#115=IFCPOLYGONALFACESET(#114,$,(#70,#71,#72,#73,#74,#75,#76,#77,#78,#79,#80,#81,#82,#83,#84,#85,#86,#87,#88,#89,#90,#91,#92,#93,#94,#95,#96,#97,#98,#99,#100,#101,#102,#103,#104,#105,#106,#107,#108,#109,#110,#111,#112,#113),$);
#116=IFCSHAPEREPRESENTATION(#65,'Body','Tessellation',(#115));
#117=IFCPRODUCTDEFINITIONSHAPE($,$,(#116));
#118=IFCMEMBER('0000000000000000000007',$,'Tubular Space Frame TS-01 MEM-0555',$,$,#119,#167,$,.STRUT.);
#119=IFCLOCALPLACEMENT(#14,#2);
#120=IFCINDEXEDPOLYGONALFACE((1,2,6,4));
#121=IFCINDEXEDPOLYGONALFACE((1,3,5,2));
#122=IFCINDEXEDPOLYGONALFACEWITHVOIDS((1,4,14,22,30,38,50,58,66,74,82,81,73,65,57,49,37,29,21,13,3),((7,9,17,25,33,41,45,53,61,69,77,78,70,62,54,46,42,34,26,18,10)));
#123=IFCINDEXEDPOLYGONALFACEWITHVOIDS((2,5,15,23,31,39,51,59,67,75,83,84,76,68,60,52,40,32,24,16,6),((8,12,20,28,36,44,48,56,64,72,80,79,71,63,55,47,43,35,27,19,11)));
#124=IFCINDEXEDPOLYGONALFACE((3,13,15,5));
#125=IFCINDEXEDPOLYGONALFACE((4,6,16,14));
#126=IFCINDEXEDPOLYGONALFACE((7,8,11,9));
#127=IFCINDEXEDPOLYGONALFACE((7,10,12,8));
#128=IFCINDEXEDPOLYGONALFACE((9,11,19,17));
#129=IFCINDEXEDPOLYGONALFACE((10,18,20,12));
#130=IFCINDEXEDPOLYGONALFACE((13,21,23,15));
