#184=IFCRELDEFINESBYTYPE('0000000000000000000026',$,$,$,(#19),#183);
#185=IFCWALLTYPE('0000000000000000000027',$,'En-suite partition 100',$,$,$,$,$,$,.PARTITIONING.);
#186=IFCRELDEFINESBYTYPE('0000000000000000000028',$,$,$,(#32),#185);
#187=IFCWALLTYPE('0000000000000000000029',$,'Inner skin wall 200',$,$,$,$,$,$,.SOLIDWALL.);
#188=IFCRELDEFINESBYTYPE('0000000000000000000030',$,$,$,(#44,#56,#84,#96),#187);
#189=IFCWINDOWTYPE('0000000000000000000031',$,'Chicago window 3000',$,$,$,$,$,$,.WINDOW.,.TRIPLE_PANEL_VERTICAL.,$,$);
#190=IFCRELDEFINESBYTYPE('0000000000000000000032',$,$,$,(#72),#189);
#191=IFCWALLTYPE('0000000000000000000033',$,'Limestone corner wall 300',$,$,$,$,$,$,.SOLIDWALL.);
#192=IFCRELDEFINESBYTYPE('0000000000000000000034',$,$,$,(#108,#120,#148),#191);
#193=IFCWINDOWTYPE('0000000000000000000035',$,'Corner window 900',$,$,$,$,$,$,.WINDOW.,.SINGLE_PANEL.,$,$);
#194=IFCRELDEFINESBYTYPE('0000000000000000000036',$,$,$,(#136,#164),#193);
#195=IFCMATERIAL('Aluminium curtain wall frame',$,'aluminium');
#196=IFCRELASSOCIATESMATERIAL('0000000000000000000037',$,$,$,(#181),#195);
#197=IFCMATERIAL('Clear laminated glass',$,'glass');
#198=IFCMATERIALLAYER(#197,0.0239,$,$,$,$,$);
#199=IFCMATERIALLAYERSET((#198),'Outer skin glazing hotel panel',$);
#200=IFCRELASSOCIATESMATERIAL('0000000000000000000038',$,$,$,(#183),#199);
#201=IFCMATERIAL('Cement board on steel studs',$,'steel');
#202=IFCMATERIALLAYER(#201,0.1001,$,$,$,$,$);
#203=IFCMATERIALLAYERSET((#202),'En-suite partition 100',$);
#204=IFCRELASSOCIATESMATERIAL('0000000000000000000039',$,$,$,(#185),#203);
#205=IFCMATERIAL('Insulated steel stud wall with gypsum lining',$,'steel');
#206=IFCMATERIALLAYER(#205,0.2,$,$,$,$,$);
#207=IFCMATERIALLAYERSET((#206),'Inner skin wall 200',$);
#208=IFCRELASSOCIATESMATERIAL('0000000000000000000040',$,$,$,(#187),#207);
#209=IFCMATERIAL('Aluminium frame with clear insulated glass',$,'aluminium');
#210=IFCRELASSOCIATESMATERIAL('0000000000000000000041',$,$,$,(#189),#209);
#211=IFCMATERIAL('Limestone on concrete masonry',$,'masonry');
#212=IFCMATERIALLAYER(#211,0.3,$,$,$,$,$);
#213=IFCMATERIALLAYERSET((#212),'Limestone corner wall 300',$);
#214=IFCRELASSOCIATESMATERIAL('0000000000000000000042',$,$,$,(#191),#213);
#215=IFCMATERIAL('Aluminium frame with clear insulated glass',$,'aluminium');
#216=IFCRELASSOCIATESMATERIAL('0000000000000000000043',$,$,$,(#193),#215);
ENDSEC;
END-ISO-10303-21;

==============================

- TASK INSTRUCTIONS
Lines before the one containing "#203=IFCMATERIALLAYERSET((#202),'En-suite partition 100',$);" stay out; reproduce that line and all the lines after it, through the end of the listing, exactly.

- YOUR RESPONSE
#203=IFCMATERIALLAYERSET((#202),'En-suite partition 100',$);
#204=IFCRELASSOCIATESMATERIAL('0000000000000000000039',$,$,$,(#185),#203);
#205=IFCMATERIAL('Insulated steel stud wall with gypsum lining',$,'steel');
#206=IFCMATERIALLAYER(#205,0.2,$,$,$,$,$);
#207=IFCMATERIALLAYERSET((#206),'Inner skin wall 200',$);
#208=IFCRELASSOCIATESMATERIAL('0000000000000000000040',$,$,$,(#187),#207);
#209=IFCMATERIAL('Aluminium frame with clear insulated glass',$,'aluminium');
#210=IFCRELASSOCIATESMATERIAL('0000000000000000000041',$,$,$,(#189),#209);
#211=IFCMATERIAL('Limestone on concrete masonry',$,'masonry');
#212=IFCMATERIALLAYER(#211,0.3,$,$,$,$,$);
#213=IFCMATERIALLAYERSET((#212),'Limestone corner wall 300',$);
#214=IFCRELASSOCIATESMATERIAL('0000000000000000000042',$,$,$,(#191),#213);
#215=IFCMATERIAL('Aluminium frame with clear insulated glass',$,'aluminium');
#216=IFCRELASSOCIATESMATERIAL('0000000000000000000043',$,$,$,(#193),#215);
ENDSEC;
END-ISO-10303-21;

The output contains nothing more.